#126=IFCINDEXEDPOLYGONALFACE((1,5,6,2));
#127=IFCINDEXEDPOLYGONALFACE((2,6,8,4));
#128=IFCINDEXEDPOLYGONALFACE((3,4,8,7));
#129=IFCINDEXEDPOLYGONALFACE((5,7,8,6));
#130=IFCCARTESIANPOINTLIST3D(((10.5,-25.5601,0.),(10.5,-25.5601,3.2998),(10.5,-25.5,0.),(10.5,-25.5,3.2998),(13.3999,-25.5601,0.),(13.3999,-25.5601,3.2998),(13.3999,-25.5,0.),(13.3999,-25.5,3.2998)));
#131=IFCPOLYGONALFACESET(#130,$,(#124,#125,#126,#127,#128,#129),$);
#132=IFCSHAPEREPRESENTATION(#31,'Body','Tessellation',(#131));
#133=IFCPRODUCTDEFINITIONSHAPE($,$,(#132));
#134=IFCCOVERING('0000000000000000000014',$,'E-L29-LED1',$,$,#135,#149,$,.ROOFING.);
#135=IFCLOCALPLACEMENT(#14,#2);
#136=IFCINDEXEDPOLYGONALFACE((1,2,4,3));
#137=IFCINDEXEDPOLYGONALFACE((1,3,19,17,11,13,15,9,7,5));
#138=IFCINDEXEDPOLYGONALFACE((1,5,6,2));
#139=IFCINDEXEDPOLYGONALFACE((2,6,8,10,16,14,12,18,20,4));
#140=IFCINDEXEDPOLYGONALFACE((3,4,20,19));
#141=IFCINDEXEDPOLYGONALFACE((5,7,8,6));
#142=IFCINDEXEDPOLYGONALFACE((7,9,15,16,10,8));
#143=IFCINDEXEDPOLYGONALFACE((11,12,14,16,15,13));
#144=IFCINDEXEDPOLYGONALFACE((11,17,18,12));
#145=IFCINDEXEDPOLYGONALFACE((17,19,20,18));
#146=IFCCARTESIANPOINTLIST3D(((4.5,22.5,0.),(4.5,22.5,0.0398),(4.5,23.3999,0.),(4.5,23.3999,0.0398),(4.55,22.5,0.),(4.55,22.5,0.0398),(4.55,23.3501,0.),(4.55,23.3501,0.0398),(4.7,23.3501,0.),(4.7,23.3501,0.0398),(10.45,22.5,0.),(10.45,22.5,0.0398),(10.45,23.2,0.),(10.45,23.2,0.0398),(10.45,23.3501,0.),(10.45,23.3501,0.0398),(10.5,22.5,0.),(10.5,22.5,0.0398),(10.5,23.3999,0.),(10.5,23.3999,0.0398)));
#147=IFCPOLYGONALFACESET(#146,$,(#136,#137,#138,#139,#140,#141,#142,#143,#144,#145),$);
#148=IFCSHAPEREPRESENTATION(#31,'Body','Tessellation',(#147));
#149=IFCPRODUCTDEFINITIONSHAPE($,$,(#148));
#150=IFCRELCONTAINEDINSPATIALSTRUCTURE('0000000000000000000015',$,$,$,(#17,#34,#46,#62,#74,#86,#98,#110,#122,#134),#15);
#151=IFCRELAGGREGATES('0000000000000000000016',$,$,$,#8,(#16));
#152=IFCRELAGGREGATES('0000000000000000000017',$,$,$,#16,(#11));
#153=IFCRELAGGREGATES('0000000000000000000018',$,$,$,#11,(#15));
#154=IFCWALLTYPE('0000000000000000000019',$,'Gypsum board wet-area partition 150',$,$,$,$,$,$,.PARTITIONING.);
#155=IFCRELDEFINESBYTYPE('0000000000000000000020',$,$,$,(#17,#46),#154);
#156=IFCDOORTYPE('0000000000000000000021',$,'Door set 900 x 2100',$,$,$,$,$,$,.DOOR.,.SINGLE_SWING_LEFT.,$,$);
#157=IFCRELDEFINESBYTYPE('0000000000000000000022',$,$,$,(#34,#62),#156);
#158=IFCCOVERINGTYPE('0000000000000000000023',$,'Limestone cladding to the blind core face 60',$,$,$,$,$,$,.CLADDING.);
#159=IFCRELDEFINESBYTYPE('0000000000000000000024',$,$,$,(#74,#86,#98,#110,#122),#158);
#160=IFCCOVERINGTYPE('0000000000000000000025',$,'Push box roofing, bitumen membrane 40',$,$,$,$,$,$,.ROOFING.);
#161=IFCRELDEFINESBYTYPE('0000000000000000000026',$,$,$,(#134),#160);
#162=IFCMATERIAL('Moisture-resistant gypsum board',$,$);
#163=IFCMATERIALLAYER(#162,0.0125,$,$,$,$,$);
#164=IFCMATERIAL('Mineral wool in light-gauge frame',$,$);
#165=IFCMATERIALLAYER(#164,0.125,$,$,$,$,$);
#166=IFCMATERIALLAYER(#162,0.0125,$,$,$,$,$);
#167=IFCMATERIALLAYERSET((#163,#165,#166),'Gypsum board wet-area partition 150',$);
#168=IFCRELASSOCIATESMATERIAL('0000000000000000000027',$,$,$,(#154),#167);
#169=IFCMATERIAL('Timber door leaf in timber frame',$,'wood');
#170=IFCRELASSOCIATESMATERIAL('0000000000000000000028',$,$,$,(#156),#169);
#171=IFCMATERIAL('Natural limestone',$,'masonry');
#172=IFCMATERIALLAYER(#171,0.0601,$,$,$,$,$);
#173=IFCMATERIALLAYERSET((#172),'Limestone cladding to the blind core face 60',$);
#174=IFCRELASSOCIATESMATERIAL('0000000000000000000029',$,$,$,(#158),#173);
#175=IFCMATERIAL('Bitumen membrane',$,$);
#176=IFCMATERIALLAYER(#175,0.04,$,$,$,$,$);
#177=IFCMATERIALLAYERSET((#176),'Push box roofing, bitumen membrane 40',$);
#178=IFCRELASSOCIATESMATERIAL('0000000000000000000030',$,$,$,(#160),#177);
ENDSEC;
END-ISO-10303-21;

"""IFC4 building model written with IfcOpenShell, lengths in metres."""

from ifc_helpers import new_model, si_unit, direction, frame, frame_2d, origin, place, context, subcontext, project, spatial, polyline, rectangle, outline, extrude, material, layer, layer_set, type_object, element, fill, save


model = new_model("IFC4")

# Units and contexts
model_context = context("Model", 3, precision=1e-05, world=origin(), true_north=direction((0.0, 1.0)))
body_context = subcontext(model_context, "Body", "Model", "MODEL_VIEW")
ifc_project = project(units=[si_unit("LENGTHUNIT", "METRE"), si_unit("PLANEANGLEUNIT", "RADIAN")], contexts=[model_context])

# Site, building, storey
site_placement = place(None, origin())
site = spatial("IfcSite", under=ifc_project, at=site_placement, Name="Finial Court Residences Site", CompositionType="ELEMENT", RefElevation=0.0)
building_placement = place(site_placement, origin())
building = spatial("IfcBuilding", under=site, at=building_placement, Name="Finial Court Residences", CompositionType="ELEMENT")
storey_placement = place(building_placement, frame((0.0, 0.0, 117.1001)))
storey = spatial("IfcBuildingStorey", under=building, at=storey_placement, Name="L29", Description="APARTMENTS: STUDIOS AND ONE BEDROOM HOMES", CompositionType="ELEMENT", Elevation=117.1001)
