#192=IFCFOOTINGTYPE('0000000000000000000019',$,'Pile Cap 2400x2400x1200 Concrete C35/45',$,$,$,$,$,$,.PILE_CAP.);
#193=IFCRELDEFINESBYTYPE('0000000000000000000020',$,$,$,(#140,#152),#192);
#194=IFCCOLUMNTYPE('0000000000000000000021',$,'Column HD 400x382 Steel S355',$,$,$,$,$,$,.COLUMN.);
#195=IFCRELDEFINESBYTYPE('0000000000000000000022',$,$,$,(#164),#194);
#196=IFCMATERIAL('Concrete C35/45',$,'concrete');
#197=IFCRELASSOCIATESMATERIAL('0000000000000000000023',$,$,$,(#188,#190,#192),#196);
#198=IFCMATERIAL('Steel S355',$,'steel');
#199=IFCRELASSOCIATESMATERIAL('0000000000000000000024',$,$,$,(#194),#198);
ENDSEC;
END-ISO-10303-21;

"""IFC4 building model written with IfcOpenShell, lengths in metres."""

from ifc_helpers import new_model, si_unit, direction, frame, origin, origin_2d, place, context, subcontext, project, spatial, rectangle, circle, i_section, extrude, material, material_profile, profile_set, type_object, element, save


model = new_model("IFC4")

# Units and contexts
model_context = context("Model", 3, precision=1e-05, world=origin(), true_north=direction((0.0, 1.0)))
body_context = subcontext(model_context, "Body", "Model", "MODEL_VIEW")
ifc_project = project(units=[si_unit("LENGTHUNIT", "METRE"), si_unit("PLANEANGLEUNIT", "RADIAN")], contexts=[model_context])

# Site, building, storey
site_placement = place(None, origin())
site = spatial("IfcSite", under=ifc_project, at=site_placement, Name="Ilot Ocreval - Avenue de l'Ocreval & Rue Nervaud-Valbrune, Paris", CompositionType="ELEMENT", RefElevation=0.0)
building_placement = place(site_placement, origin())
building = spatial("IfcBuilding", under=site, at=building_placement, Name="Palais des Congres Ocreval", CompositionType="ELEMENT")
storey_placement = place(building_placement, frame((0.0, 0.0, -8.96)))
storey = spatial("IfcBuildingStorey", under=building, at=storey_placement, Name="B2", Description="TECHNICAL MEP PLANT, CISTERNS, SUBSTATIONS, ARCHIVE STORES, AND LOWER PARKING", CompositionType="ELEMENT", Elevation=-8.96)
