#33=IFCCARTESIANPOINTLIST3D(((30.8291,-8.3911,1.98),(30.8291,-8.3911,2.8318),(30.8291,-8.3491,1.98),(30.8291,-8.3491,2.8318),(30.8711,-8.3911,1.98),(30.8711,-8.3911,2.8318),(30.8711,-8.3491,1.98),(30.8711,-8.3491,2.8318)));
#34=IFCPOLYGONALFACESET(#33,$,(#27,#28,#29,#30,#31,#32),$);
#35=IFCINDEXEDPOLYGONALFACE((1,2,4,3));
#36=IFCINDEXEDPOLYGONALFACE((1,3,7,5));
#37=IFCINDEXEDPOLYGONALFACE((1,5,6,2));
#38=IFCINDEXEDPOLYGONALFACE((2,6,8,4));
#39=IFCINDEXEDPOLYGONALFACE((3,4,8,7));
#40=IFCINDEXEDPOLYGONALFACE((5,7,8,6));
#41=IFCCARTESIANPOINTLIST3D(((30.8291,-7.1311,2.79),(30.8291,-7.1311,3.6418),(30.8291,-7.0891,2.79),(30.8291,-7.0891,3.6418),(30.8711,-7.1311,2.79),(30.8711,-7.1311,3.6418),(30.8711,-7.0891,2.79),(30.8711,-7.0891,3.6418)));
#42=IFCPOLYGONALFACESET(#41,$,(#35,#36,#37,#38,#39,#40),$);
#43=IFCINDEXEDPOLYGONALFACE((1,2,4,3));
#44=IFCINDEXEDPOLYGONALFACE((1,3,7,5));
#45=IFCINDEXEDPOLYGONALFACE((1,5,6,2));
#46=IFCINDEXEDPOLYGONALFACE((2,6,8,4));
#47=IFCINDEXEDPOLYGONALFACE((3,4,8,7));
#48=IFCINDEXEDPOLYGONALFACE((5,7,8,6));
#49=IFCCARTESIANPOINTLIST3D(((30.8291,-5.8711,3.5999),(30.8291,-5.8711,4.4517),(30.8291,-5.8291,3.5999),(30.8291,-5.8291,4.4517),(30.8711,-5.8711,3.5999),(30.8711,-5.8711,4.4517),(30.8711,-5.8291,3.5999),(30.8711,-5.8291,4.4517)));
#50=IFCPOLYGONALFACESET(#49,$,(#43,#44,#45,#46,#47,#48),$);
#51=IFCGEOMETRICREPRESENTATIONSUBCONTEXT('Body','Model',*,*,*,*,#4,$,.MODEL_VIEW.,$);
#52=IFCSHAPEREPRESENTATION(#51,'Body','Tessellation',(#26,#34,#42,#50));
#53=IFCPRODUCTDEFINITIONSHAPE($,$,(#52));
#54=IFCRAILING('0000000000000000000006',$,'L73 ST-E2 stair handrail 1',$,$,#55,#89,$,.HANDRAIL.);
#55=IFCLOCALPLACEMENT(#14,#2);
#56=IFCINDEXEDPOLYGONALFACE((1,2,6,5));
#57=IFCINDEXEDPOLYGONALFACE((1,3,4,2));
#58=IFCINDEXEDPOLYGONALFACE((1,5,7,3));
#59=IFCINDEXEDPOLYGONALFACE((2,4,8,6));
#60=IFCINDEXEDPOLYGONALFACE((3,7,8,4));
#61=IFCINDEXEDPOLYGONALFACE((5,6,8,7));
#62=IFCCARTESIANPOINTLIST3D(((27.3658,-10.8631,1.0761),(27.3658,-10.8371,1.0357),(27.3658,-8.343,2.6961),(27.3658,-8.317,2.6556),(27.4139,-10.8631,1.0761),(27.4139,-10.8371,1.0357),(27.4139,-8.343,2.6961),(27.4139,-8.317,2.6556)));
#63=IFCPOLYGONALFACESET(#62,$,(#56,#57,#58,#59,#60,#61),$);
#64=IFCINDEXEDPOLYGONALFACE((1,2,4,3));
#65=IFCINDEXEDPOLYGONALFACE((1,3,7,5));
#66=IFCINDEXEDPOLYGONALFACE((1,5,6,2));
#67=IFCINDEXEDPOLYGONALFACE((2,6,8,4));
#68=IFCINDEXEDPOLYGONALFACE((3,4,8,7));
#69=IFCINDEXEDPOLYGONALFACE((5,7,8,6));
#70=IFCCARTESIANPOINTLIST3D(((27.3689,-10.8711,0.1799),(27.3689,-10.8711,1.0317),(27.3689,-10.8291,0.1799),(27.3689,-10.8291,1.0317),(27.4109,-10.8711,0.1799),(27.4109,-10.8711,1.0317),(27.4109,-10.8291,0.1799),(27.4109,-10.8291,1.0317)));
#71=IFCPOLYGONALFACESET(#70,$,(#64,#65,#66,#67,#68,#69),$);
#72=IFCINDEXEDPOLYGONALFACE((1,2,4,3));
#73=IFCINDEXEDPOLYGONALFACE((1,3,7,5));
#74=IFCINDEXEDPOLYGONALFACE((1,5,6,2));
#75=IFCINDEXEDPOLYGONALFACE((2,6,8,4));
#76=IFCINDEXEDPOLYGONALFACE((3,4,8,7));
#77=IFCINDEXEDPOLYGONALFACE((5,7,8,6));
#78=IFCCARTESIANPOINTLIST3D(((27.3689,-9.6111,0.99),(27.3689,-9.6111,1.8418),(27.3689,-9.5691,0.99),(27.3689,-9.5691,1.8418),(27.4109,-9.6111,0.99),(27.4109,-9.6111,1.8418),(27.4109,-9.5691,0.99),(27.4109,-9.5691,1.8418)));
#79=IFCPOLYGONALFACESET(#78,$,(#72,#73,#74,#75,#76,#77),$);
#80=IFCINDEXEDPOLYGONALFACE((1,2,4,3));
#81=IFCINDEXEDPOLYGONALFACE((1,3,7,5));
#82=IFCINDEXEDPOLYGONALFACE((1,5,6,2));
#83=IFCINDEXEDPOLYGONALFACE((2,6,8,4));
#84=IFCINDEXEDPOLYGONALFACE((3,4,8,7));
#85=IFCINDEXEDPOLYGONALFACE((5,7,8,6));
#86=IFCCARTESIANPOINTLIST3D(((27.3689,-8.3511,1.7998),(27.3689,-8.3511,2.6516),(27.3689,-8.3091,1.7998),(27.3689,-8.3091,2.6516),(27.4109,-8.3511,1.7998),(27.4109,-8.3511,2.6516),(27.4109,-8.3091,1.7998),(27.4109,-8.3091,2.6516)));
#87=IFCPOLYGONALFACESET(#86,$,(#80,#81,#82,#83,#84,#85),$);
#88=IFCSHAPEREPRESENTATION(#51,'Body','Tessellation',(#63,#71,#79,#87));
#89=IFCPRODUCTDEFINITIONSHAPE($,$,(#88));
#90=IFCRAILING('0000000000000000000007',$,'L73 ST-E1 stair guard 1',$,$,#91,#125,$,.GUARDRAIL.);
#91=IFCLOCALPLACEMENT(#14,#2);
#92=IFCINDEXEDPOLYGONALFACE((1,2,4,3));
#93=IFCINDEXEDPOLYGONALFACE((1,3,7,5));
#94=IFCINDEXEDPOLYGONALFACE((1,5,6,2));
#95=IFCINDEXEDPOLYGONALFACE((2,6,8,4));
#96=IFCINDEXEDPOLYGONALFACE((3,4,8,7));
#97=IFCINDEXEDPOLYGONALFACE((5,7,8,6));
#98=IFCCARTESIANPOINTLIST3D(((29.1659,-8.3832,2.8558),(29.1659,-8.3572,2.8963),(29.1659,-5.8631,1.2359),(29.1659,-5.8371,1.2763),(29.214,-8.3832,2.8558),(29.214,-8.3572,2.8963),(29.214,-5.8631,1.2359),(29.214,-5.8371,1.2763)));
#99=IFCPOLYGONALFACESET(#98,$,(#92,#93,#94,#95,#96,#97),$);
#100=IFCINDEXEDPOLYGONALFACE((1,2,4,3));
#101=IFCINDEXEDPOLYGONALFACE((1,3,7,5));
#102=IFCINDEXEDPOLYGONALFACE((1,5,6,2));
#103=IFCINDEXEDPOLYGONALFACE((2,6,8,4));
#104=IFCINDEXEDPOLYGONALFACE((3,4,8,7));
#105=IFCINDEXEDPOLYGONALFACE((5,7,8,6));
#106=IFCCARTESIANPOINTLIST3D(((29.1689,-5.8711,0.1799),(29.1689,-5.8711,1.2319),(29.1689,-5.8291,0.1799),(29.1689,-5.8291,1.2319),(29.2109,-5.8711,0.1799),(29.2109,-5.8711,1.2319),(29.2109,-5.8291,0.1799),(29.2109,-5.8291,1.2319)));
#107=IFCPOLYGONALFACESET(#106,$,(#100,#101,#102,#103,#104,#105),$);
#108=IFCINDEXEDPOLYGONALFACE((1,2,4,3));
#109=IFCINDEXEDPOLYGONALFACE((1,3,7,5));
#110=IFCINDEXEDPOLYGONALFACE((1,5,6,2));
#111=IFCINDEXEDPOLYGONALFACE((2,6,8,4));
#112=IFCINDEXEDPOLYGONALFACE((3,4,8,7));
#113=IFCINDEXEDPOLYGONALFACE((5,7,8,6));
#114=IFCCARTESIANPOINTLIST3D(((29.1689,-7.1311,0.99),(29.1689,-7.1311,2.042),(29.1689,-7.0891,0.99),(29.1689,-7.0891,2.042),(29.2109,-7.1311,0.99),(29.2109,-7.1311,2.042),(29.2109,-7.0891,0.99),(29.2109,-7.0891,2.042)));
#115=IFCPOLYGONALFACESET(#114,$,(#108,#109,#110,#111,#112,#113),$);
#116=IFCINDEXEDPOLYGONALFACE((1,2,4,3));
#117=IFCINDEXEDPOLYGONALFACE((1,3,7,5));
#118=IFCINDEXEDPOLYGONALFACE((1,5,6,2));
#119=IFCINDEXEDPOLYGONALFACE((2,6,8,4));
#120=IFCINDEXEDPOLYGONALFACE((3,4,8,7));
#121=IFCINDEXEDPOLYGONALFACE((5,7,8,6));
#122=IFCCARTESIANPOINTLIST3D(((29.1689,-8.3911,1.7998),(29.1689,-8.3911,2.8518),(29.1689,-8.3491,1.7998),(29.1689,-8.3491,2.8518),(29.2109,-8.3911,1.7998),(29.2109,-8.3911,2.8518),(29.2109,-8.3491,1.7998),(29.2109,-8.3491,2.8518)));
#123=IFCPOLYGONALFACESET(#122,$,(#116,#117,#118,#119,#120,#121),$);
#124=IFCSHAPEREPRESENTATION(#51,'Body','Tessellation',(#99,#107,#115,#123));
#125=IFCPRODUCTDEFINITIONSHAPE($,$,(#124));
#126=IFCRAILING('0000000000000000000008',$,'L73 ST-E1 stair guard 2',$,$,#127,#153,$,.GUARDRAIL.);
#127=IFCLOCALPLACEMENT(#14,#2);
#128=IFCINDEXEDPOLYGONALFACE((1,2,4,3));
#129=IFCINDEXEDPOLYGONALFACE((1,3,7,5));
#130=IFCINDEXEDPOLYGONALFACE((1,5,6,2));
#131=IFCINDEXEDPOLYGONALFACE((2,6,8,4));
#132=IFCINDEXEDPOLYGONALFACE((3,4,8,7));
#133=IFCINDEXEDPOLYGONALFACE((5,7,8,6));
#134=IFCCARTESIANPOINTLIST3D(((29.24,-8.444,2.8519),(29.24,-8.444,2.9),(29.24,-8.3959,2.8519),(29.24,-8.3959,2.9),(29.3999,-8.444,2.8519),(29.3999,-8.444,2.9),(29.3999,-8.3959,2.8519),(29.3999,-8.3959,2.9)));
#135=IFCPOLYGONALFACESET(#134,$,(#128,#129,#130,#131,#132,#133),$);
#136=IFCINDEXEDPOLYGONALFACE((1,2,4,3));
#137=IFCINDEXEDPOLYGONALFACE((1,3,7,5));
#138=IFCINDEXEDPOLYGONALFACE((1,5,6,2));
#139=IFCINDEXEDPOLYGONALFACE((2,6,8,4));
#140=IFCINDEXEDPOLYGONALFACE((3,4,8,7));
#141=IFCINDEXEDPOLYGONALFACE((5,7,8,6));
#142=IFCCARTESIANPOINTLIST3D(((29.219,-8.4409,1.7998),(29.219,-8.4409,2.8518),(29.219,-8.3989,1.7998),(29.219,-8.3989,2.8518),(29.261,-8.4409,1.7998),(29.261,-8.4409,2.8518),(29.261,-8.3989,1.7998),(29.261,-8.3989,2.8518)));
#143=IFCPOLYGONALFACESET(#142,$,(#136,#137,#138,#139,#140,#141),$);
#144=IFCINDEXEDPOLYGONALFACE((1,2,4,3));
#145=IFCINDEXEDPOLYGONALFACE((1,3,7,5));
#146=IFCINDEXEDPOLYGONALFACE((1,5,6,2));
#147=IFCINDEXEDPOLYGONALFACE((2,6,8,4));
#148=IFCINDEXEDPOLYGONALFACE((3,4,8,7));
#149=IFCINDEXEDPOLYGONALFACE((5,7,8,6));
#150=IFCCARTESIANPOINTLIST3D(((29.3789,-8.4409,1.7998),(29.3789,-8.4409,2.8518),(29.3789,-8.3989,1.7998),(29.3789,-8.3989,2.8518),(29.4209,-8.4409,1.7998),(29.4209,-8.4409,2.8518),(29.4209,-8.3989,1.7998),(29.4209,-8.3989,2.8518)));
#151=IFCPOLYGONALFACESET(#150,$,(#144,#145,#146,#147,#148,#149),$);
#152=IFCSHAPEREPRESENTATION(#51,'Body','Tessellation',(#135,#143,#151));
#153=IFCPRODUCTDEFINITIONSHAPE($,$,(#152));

==========

# Task requirements
Exactly as written, please reproduce the lines from the first line of the data to the line containing "#129=IFCINDEXEDPOLYGONALFACE((5,7,8,6));", inclusive, and nothing else.

# Exercise response
#126=IFCINDEXEDPOLYGONALFACE((1,5,6,2));
#127=IFCINDEXEDPOLYGONALFACE((2,6,8,4));
#128=IFCINDEXEDPOLYGONALFACE((3,4,8,7));
#129=IFCINDEXEDPOLYGONALFACE((5,7,8,6));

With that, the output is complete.